> _WORK INSTRUCTION_
Exactly the lines starting at the line containing "#159=IFCMATERIALLAYERSET((#158),'Steel ASTM A572" and ending at the line containing "#167=IFCMATERIAL('Phenolic-Faced Solid-Core Laboratory" are to be written out from the listing below, both included.

——————

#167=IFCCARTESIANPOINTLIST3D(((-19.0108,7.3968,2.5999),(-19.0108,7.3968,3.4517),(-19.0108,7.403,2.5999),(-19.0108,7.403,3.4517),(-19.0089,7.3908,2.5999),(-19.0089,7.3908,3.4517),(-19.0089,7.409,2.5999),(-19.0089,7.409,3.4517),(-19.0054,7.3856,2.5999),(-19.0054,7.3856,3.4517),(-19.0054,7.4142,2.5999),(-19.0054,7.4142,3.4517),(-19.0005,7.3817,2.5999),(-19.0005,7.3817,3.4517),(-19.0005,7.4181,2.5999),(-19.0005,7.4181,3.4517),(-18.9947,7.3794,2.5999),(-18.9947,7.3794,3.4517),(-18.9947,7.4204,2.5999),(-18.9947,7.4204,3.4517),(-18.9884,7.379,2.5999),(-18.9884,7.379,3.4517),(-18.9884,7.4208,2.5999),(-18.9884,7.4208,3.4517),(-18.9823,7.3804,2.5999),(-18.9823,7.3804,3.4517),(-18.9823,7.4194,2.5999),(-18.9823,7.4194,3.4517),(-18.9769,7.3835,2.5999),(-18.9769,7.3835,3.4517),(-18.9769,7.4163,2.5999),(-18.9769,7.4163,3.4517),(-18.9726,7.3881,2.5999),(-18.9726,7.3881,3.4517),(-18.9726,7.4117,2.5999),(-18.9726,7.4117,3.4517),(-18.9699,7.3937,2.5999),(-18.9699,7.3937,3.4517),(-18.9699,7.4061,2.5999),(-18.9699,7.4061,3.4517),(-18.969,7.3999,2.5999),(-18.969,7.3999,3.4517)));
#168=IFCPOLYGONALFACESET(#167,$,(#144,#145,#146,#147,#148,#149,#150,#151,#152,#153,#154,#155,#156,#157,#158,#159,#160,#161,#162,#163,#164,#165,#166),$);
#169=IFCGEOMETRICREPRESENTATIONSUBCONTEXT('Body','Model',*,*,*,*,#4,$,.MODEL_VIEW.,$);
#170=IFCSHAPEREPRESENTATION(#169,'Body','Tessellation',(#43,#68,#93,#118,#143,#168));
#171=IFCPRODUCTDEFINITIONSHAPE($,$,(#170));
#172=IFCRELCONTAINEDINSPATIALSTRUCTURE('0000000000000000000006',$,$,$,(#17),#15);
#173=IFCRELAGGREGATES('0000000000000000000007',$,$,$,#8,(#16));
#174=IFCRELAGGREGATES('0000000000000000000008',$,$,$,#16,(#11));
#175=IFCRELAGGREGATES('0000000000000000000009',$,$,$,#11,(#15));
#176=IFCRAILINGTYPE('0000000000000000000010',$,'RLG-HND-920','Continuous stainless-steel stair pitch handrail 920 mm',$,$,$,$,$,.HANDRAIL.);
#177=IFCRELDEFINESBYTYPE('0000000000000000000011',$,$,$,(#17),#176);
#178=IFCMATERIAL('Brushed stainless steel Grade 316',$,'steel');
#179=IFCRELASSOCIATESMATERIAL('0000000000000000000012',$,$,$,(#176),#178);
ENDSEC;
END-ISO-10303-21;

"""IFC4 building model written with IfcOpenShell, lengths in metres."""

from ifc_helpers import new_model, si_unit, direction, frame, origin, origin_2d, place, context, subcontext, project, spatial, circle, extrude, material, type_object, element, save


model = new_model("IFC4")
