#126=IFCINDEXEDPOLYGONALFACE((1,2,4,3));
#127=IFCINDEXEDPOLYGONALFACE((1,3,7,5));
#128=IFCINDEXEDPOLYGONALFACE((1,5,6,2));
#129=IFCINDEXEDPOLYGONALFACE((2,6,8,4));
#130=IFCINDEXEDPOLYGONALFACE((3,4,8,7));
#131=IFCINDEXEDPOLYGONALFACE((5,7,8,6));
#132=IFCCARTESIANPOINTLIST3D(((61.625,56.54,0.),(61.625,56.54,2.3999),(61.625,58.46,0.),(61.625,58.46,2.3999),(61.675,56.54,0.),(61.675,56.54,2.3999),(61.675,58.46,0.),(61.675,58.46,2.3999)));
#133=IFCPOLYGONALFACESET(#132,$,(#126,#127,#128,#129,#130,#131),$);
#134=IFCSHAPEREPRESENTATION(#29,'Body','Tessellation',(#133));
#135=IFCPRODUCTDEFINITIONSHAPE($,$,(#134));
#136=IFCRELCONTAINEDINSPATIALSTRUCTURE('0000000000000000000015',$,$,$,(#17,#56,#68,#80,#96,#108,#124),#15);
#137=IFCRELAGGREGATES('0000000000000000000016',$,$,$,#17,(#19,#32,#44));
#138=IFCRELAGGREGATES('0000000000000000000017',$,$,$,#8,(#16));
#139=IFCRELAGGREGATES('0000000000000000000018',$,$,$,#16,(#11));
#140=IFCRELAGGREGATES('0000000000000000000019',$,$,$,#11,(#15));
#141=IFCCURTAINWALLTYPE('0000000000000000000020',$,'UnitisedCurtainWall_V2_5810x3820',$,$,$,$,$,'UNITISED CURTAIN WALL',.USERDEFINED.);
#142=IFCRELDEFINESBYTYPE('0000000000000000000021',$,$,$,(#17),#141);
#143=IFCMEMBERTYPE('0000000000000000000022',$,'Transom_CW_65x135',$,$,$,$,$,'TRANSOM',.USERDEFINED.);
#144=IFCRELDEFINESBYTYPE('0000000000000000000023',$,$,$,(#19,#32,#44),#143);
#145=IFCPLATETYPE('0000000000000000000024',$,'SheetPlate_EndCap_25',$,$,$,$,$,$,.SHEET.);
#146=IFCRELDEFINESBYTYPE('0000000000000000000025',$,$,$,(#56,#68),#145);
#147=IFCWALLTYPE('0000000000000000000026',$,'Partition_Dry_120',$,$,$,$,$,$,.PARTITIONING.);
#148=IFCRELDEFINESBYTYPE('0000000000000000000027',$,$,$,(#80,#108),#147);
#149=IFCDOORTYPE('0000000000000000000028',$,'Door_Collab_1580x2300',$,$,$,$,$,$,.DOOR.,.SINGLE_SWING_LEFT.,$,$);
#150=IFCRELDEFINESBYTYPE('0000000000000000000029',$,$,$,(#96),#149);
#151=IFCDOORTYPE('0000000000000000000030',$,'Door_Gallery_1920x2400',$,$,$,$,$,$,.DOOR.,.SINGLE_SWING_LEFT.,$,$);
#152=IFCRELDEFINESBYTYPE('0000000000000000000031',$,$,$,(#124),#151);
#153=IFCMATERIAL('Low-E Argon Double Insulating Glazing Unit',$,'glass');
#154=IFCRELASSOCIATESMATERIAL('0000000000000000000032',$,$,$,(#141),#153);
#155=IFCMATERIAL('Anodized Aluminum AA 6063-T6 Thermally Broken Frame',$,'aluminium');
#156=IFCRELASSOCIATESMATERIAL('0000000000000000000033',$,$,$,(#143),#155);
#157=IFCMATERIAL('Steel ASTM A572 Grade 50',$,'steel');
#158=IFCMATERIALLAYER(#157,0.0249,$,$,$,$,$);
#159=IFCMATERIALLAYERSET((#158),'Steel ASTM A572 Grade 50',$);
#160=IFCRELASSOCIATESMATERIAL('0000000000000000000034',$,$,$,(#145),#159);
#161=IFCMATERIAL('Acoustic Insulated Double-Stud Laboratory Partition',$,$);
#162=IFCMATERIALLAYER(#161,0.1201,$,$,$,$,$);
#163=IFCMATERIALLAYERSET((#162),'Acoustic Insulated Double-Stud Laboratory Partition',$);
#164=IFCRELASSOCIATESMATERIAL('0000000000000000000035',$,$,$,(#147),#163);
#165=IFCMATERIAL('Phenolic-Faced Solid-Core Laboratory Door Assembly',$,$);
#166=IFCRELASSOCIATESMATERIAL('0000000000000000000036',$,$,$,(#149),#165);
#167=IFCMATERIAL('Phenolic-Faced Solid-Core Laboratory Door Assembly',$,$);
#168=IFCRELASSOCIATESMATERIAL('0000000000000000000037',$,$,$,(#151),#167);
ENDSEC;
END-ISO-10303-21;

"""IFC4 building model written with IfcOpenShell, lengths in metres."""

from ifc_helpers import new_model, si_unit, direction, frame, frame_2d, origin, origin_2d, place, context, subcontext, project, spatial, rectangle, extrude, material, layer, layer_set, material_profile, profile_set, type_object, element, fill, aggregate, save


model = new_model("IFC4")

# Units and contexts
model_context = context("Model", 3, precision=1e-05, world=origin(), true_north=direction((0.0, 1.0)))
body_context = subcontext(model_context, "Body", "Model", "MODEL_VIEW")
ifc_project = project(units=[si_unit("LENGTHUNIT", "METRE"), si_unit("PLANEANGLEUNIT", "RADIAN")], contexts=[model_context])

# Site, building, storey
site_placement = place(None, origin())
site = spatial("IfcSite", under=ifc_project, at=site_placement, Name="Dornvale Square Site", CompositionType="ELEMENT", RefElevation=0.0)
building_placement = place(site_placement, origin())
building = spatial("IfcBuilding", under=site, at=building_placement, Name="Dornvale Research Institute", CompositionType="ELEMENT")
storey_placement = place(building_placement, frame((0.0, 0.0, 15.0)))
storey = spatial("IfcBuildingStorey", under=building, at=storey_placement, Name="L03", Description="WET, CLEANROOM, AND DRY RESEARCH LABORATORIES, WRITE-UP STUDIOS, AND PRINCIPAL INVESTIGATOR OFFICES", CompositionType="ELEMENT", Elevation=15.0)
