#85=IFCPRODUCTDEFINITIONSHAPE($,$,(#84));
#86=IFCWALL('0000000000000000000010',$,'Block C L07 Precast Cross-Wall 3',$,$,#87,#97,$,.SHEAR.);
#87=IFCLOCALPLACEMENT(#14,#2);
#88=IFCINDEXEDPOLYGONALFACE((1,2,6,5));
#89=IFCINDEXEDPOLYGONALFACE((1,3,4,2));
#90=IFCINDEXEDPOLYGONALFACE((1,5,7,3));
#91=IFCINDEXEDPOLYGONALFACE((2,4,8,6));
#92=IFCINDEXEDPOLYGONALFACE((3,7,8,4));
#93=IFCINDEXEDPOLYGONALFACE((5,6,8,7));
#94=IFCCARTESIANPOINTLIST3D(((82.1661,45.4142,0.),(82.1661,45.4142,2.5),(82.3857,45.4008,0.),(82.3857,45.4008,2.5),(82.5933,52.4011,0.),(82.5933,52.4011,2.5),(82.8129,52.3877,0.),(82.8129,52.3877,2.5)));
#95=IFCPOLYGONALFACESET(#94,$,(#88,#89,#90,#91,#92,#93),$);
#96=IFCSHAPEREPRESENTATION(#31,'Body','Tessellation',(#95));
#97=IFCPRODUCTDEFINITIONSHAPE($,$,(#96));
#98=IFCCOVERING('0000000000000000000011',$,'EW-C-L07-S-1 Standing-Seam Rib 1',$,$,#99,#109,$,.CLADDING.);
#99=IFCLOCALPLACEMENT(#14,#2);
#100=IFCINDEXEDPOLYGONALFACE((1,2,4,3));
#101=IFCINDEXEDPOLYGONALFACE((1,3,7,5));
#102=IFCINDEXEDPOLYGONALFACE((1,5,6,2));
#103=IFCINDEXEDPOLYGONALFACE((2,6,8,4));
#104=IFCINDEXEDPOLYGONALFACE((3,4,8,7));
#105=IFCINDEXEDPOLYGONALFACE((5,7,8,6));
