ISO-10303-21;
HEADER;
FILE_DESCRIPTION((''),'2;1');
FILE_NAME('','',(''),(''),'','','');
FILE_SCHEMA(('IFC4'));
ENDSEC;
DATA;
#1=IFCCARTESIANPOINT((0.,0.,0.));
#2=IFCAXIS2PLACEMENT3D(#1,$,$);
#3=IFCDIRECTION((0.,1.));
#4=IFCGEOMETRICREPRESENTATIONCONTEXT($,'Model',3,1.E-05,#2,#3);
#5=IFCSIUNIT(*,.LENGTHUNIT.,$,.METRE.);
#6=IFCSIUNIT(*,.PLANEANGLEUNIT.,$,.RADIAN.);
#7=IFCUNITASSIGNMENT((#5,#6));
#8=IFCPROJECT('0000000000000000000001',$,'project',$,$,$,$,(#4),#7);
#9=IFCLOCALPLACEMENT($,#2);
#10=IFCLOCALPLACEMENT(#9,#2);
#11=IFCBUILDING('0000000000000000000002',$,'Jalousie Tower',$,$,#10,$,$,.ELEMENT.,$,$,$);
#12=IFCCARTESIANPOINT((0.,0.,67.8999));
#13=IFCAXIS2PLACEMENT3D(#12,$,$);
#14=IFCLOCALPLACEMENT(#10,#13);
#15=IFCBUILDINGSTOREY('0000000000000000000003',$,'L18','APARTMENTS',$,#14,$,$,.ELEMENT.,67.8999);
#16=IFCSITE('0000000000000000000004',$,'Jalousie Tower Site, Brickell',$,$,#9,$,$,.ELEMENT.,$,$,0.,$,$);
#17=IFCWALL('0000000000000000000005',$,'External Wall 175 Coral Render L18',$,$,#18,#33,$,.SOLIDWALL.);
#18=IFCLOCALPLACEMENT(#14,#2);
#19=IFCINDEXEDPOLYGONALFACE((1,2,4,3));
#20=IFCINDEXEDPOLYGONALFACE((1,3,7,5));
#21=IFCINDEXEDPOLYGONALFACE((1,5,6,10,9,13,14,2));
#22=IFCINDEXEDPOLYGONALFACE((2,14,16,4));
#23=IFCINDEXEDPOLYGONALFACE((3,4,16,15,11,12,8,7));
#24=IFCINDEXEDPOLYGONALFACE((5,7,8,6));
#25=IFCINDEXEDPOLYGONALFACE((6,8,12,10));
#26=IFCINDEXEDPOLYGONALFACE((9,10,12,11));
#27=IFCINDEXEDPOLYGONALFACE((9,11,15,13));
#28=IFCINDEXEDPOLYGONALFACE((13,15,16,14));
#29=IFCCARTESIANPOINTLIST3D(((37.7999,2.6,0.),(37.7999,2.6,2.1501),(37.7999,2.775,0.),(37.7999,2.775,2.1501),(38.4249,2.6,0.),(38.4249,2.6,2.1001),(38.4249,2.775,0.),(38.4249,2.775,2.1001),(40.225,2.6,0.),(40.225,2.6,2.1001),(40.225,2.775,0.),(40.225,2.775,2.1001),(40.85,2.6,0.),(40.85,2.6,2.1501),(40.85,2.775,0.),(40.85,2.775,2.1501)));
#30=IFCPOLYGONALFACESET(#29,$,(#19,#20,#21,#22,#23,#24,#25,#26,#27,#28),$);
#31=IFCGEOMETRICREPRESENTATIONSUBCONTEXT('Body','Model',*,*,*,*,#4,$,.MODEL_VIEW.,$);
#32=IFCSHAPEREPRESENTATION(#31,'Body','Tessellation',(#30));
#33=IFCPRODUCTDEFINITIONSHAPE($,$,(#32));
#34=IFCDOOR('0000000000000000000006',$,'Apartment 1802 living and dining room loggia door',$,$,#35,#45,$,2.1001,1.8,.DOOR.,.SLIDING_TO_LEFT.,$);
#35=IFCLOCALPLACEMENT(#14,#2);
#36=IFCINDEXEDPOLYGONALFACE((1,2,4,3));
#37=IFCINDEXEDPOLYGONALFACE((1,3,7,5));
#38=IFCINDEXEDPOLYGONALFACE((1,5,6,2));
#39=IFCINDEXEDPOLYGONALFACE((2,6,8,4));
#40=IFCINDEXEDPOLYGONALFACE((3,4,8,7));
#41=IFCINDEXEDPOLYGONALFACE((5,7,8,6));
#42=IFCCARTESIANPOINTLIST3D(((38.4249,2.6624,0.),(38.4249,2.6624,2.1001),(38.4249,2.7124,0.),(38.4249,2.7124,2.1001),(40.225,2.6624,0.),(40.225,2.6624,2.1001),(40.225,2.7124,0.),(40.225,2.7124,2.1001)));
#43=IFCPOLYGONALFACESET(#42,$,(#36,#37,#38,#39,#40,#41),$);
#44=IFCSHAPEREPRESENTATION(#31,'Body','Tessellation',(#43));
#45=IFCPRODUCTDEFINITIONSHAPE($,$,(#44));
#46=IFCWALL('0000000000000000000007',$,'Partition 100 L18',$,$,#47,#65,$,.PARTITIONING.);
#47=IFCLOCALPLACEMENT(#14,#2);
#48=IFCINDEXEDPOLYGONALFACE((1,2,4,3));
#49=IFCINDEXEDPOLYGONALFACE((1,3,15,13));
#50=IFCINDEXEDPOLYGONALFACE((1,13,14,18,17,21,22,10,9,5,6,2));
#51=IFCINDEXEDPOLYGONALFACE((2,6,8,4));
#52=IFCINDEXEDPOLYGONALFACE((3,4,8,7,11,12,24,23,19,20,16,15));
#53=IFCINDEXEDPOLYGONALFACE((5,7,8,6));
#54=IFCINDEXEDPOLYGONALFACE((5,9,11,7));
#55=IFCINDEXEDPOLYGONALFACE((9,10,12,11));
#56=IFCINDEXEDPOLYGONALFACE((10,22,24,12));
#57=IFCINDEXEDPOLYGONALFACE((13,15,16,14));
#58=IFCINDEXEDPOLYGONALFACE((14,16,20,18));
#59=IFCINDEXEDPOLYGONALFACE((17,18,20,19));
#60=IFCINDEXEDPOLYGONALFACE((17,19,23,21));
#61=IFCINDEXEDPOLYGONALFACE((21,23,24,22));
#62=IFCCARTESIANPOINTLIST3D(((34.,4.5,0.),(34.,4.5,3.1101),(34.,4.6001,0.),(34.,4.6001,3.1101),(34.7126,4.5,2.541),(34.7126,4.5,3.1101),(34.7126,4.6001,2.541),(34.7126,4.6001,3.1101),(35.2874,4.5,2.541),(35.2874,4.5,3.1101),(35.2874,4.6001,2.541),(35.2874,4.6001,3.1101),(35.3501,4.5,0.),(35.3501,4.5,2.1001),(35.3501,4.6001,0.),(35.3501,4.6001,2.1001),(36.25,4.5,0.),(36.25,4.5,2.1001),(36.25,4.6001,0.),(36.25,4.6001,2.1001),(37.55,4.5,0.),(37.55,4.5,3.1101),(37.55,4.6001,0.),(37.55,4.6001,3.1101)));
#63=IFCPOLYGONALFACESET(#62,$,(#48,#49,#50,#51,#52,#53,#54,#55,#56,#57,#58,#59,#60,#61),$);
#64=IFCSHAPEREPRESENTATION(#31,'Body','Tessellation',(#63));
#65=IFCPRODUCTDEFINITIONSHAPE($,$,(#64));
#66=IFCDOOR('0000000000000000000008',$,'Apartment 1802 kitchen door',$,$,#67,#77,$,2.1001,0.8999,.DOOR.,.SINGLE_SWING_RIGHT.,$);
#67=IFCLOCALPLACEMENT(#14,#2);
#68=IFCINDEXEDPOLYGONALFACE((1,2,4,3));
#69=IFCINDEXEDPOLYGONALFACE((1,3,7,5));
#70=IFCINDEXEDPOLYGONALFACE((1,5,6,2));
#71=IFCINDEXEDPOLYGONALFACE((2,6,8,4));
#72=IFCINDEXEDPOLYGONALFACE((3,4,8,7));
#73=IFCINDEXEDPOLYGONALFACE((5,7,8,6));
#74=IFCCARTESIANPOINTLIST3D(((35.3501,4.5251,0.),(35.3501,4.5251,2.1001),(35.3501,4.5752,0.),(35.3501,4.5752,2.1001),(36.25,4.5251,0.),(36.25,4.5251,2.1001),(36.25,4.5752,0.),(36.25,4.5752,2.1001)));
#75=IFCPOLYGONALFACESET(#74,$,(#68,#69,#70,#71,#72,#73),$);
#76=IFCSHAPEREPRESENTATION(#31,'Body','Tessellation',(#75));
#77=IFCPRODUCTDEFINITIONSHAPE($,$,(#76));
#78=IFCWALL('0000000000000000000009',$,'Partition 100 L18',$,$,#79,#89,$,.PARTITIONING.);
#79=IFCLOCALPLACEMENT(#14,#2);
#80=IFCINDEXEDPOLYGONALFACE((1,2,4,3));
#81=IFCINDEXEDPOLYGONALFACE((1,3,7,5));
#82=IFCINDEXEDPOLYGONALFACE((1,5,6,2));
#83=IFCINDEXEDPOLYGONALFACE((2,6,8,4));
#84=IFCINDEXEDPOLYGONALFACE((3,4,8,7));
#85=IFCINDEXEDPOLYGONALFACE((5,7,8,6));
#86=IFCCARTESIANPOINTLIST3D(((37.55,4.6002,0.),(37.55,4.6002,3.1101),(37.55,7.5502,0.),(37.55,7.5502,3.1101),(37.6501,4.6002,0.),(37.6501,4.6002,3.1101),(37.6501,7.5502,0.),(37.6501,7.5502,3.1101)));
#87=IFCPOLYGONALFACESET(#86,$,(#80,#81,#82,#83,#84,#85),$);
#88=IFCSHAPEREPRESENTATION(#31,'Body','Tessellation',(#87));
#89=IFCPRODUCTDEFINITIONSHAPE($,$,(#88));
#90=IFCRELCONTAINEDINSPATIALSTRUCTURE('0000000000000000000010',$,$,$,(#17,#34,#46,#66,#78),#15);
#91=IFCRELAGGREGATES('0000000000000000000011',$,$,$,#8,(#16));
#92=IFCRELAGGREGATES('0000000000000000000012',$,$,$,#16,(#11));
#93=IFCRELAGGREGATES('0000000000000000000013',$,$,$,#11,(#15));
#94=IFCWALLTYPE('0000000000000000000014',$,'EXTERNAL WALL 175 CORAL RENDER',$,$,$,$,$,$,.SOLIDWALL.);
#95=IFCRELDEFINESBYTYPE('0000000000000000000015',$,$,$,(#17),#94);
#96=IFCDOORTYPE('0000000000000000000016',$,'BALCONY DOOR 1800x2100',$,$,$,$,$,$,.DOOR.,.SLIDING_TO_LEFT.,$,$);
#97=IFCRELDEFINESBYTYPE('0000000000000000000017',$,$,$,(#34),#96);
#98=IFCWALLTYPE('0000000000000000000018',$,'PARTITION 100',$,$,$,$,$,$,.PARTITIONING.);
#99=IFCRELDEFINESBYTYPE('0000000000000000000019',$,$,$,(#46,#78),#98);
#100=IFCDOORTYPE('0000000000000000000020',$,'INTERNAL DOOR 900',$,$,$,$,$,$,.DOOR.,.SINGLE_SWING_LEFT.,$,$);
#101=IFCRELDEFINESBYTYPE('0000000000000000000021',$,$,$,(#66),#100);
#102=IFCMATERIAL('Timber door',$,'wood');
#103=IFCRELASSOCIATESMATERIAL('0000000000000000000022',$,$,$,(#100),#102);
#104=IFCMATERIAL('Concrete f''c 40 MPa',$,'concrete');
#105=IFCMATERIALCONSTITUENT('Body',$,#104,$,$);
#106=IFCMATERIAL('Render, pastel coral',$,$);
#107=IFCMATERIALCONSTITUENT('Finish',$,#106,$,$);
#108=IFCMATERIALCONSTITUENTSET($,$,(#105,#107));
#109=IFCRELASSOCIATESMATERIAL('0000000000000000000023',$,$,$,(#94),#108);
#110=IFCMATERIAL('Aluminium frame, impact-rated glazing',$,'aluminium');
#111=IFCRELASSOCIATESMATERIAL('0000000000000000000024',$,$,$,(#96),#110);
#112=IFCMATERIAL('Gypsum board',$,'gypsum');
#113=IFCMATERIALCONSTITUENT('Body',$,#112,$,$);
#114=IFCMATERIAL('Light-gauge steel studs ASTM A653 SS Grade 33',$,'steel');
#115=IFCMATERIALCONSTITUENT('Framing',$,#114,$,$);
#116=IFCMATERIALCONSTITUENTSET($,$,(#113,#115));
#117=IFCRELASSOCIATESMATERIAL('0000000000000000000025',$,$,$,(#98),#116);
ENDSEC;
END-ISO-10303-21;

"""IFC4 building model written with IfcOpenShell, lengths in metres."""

from ifc_helpers import new_model, si_unit, direction, frame, frame_2d, origin, place, context, subcontext, project, spatial, polyline, rectangle, outline, extrude, material, constituent, constituent_set, type_object, element, fill, save


model = new_model("IFC4")

# Units and contexts
model_context = context("Model", 3, precision=1e-05, world=origin(), true_north=direction((0.0, 1.0)))
body_context = subcontext(model_context, "Body", "Model", "MODEL_VIEW")
ifc_project = project(units=[si_unit("LENGTHUNIT", "METRE"), si_unit("PLANEANGLEUNIT", "RADIAN")], contexts=[model_context])

# Site, building, storey
site_placement = place(None, origin())
site = spatial("IfcSite", under=ifc_project, at=site_placement, Name="Jalousie Tower Site, Brickell", CompositionType="ELEMENT", RefElevation=0.0)
building_placement = place(site_placement, origin())
building = spatial("IfcBuilding", under=site, at=building_placement, Name="Jalousie Tower", CompositionType="ELEMENT")
storey_placement = place(building_placement, frame((0.0, 0.0, 67.8999)))
storey = spatial("IfcBuildingStorey", under=building, at=storey_placement, Name="L18", Description="APARTMENTS", CompositionType="ELEMENT", Elevation=67.8999)

# Shared definitions
ifc_material_1 = material(Name="Timber door", Category="wood")
door_type_1 = type_object("IfcDoorType", Name="INTERNAL DOOR 900", OperationType="SINGLE_SWING_LEFT", PredefinedType="DOOR", material=ifc_material_1)

# Walls, openings, doors
ifc_material_2 = material(Name="Concrete f'c 40 MPa", Category="concrete")
ifc_constituent_1 = constituent(ifc_material_2, Name="Body")
ifc_material_3 = material(Name="Render, pastel coral")
ifc_constituent_2 = constituent(ifc_material_3, Name="Finish")
ifc_constituent_set_1 = constituent_set(constituents=[ifc_constituent_1, ifc_constituent_2])
wall_type_1 = type_object("IfcWallType", Name="EXTERNAL WALL 175 CORAL RENDER", PredefinedType="SOLIDWALL", material=ifc_constituent_set_1)
wall_1_placement = place(storey_placement, frame((37.8, 2.6875, 0.0), z_axis=(0.0, 0.0, 1.0), x_axis=(1.0, 0.0, 0.0)))
wall_1 = element("IfcWall", 1, at=wall_1_placement, inside=storey, type_object=wall_type_1, Name="External Wall 175 Coral Render L18", PredefinedType="SOLIDWALL", context=body_context, shape_type="SweptSolid", body=[
    extrude(rectangle(XDim=3.05, YDim=0.175, at=frame_2d((1.5249, 0.0))), origin(), (0.0, 0.0, 1.0), 2.1501),
])
opening_1_placement = place(wall_1_placement, frame((0.625, 0.0, 0.0)))
opening_1 = element("IfcOpeningElement", 2, at=opening_1_placement, cuts=wall_1, PredefinedType="OPENING", context=body_context, shape_type="SweptSolid", body=[
    extrude(rectangle(XDim=1.8, YDim=2.1001, at=frame_2d((0.8999, 1.05))), frame((0.0, 0.0974, 0.0), z_axis=(0.0, -1.0, 0.0), x_axis=(1.0, 0.0, 0.0)), (0.0, 0.0, 1.0), 0.1951),
])
ifc_material_4 = material(Name="Aluminium frame, impact-rated glazing", Category="aluminium")
door_type_2 = type_object("IfcDoorType", Name="BALCONY DOOR 1800x2100", OperationType="SLIDING_TO_LEFT", PredefinedType="DOOR", material=ifc_material_4)
door_1_placement = place(opening_1_placement, origin())
door_1 = element("IfcDoor", 3, at=door_1_placement, inside=storey, type_object=door_type_2, Name="Apartment 1802 living and dining room loggia door", OperationType="SLIDING_TO_LEFT", OverallHeight=2.1001, OverallWidth=1.8, PredefinedType="DOOR", context=body_context, shape_type="SweptSolid", body=[
    extrude(rectangle(XDim=1.8, YDim=2.1001, at=frame_2d((0.8999, 1.05))), frame((0.0, 0.0249, 0.0), z_axis=(0.0, -1.0, 0.0), x_axis=(1.0, 0.0, 0.0)), (0.0, 0.0, 1.0), 0.05),
])
fill(opening_1, door_1)
ifc_material_5 = material(Name="Gypsum board", Category="gypsum")
ifc_constituent_3 = constituent(ifc_material_5, Name="Body")
ifc_material_6 = material(Name="Light-gauge steel studs ASTM A653 SS Grade 33", Category="steel")
ifc_constituent_4 = constituent(ifc_material_6, Name="Framing")
ifc_constituent_set_2 = constituent_set(constituents=[ifc_constituent_3, ifc_constituent_4])
wall_type_2 = type_object("IfcWallType", Name="PARTITION 100", PredefinedType="PARTITIONING", material=ifc_constituent_set_2)
wall_2_placement = place(storey_placement, frame((34.0, 4.55, 0.0), z_axis=(0.0, 0.0, 1.0), x_axis=(1.0, 0.0, 0.0)))
wall_2 = element("IfcWall", 4, at=wall_2_placement, inside=storey, type_object=wall_type_2, Name="Partition 100 L18", PredefinedType="PARTITIONING", context=body_context, shape_type="SweptSolid", body=[
    extrude(outline(polyline([(0.0, 0.0), (3.55, 0.0), (3.55, 3.1101), (1.2874, 3.1101), (1.2874, 2.541), (0.7126, 2.541), (0.7126, 3.1101), (0.0, 3.1101), (0.0, 0.0)])), frame((0.0, 0.05, 0.0), z_axis=(0.0, -1.0, 0.0), x_axis=(1.0, 0.0, 0.0)), (0.0, 0.0, 1.0), 0.1001),
])
opening_2_placement = place(wall_2_placement, frame((1.3501, 0.0, 0.0)))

——————

> _WRITTEN SOLUTION_
#159=IFCMATERIALLAYERSET((#158),'Steel ASTM A572 Grade 50',$);
#160=IFCRELASSOCIATESMATERIAL('0000000000000000000034',$,$,$,(#145),#159);
#161=IFCMATERIAL('Acoustic Insulated Double-Stud Laboratory Partition',$,$);
#162=IFCMATERIALLAYER(#161,0.1201,$,$,$,$,$);
#163=IFCMATERIALLAYERSET((#162),'Acoustic Insulated Double-Stud Laboratory Partition',$);
#164=IFCRELASSOCIATESMATERIAL('0000000000000000000035',$,$,$,(#147),#163);
#165=IFCMATERIAL('Phenolic-Faced Solid-Core Laboratory Door Assembly',$,$);
#166=IFCRELASSOCIATESMATERIAL('0000000000000000000036',$,$,$,(#149),#165);
#167=IFCMATERIAL('Phenolic-Faced Solid-Core Laboratory Door Assembly',$,$);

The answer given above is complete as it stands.